WORK REQUEST
One part of the entries below is wanted: the lines from the one containing "#204=IFCMATERIAL('Concrete C50/60',$,'concrete');" through the one containing "site_placement = place(None, origin())". Write those out exactly and nothing else.
══ DATASET EXCERPTS
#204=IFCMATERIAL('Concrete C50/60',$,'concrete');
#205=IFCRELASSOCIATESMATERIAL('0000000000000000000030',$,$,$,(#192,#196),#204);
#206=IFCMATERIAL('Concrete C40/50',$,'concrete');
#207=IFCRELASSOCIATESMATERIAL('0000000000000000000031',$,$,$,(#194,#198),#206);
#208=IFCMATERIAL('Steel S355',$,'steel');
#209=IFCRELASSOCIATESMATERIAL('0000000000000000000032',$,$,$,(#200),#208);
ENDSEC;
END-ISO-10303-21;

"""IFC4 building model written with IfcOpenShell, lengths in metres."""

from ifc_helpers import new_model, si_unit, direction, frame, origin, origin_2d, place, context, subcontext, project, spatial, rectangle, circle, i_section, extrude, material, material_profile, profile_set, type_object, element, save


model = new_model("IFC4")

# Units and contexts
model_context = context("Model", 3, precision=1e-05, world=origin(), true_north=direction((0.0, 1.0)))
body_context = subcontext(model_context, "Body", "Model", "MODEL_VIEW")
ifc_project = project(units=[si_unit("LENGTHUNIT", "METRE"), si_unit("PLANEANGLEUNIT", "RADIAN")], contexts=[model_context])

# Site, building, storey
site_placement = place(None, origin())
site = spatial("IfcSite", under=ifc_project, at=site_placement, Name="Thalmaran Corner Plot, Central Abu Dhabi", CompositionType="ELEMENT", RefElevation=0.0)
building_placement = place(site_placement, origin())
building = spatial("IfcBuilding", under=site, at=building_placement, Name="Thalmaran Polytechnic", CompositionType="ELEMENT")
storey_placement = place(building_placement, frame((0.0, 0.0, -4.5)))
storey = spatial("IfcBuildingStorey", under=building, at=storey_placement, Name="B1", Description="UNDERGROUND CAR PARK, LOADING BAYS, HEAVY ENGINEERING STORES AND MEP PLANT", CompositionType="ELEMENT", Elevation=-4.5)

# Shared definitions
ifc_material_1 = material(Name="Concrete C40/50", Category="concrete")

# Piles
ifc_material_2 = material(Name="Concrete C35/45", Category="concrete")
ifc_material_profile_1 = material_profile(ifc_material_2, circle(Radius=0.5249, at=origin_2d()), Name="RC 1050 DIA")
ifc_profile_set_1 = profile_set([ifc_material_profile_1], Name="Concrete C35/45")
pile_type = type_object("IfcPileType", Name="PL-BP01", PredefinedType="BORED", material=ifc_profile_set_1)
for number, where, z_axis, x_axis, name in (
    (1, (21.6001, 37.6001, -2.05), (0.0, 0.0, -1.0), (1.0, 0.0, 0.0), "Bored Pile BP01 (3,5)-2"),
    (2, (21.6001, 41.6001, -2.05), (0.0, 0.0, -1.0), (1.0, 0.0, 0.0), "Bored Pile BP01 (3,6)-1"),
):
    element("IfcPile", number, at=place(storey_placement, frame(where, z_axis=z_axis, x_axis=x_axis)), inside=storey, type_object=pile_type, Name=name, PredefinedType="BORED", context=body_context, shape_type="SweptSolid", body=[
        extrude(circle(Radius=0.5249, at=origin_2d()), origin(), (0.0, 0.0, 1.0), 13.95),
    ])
════
══ DATASET EXCERPTS
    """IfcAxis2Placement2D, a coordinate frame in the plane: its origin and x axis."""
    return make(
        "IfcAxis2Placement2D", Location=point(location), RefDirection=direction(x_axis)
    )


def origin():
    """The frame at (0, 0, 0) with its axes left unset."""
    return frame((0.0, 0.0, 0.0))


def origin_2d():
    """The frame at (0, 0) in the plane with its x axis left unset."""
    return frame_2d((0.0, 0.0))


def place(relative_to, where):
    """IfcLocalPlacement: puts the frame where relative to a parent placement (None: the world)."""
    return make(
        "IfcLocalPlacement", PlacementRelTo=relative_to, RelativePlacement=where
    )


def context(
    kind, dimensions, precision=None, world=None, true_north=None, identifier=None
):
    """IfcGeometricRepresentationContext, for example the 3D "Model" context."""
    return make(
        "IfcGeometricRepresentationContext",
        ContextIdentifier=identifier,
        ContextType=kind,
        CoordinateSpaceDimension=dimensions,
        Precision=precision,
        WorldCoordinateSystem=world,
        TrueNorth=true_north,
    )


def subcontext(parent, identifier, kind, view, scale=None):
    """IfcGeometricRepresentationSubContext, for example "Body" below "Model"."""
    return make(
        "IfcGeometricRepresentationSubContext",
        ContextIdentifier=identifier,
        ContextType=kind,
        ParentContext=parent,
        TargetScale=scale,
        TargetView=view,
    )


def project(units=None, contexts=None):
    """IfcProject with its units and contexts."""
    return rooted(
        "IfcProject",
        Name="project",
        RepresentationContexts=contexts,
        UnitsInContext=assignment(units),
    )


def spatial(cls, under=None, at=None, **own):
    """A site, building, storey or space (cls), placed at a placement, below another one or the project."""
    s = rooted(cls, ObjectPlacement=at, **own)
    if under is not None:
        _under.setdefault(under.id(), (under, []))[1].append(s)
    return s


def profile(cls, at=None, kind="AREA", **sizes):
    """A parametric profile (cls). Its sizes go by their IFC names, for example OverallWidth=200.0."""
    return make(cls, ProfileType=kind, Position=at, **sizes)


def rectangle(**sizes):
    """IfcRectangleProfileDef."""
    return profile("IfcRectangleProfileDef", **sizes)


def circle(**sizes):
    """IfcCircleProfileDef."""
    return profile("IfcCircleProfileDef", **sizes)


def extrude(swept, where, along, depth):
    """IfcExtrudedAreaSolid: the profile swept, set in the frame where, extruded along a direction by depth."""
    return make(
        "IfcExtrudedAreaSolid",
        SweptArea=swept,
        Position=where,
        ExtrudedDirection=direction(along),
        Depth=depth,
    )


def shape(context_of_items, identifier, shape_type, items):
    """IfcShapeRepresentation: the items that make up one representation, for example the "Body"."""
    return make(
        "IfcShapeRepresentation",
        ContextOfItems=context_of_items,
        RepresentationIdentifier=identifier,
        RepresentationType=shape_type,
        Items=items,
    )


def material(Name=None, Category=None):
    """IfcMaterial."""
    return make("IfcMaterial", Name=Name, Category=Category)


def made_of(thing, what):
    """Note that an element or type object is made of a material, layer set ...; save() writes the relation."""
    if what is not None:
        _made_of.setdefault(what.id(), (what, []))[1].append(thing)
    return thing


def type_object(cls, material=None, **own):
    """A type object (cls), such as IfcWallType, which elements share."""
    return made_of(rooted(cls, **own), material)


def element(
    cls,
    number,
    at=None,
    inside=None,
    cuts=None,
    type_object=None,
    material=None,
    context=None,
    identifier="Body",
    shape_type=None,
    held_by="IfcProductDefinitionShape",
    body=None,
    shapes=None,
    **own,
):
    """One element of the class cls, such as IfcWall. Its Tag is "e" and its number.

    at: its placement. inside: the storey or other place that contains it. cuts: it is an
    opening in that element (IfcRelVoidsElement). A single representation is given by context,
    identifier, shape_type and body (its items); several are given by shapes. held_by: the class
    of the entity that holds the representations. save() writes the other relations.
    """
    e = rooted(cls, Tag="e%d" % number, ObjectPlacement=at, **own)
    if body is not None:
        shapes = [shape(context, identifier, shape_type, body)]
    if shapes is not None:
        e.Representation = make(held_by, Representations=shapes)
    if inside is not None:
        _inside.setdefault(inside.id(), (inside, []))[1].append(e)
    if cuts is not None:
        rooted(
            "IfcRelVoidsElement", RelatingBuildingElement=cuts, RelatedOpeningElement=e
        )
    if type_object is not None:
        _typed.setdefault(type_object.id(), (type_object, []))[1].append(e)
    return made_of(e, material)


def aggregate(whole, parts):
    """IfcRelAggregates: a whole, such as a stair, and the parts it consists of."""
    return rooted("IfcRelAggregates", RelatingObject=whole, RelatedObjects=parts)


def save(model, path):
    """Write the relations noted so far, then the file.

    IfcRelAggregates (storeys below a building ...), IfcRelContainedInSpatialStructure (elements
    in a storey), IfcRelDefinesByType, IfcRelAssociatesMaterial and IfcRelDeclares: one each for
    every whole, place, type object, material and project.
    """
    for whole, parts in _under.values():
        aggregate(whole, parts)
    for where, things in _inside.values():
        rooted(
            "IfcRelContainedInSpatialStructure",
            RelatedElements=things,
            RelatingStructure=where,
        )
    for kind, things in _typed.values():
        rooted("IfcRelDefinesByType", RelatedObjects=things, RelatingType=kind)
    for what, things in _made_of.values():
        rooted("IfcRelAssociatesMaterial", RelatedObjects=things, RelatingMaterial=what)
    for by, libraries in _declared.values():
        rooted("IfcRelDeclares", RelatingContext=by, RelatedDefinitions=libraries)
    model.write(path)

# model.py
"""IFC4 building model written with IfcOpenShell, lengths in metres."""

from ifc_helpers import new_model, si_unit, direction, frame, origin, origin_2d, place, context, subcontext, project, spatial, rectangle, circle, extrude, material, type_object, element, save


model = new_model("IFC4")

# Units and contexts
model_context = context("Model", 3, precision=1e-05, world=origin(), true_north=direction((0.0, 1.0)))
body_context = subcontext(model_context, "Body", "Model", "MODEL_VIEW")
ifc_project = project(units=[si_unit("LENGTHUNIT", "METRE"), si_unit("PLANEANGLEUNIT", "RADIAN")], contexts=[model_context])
════
RESULT FOR THIS EXERCISE
#204=IFCMATERIAL('Concrete C50/60',$,'concrete');
#205=IFCRELASSOCIATESMATERIAL('0000000000000000000030',$,$,$,(#192,#196),#204);
#206=IFCMATERIAL('Concrete C40/50',$,'concrete');
#207=IFCRELASSOCIATESMATERIAL('0000000000000000000031',$,$,$,(#194,#198),#206);
#208=IFCMATERIAL('Steel S355',$,'steel');
#209=IFCRELASSOCIATESMATERIAL('0000000000000000000032',$,$,$,(#200),#208);
ENDSEC;
END-ISO-10303-21;

"""IFC4 building model written with IfcOpenShell, lengths in metres."""

from ifc_helpers import new_model, si_unit, direction, frame, origin, origin_2d, place, context, subcontext, project, spatial, rectangle, circle, i_section, extrude, material, material_profile, profile_set, type_object, element, save


model = new_model("IFC4")

# Units and contexts
model_context = context("Model", 3, precision=1e-05, world=origin(), true_north=direction((0.0, 1.0)))
body_context = subcontext(model_context, "Body", "Model", "MODEL_VIEW")
ifc_project = project(units=[si_unit("LENGTHUNIT", "METRE"), si_unit("PLANEANGLEUNIT", "RADIAN")], contexts=[model_context])

# Site, building, storey
site_placement = place(None, origin())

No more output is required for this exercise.